### Required work
Among the records below, find each line bearing the word "frame" and copy it.

### Material supplied
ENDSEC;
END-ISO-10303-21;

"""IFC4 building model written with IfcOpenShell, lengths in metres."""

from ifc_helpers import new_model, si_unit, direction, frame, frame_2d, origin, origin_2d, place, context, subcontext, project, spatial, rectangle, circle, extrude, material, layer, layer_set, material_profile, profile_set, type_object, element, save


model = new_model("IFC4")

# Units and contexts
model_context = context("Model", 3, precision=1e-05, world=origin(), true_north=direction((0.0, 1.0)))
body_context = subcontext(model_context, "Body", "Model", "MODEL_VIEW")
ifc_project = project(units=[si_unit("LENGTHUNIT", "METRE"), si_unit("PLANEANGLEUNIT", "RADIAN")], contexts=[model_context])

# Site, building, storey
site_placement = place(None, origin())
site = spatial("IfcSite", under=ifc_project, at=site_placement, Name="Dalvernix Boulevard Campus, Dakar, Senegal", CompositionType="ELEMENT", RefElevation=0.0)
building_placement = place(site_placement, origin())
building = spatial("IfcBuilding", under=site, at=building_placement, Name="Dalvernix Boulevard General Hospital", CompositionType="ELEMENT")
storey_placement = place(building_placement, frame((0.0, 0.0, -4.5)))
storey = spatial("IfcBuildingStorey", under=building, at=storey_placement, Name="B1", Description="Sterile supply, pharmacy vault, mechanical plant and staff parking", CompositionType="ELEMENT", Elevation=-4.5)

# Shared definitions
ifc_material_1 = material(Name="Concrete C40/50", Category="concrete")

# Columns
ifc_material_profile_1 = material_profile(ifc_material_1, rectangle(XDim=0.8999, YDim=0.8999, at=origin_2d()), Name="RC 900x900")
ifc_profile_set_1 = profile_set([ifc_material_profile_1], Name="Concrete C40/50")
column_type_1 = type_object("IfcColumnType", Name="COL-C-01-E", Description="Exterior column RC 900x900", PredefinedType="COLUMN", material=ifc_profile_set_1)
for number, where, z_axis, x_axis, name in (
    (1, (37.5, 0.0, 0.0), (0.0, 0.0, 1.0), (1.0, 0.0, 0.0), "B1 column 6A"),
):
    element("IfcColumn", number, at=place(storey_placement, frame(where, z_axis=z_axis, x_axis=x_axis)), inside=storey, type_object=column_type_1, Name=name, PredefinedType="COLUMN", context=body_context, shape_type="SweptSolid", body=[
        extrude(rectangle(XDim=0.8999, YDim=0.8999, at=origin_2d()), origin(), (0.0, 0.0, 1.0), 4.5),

### Solution for this exercise
from ifc_helpers import new_model, si_unit, direction, frame, frame_2d, origin, origin_2d, place, context, subcontext, project, spatial, rectangle, circle, extrude, material, layer, layer_set, material_profile, profile_set, type_object, element, save
storey_placement = place(building_placement, frame((0.0, 0.0, -4.5)))
    element("IfcColumn", number, at=place(storey_placement, frame(where, z_axis=z_axis, x_axis=x_axis)), inside=storey, type_object=column_type_1, Name=name, PredefinedType="COLUMN", context=body_context, shape_type="SweptSolid", body=[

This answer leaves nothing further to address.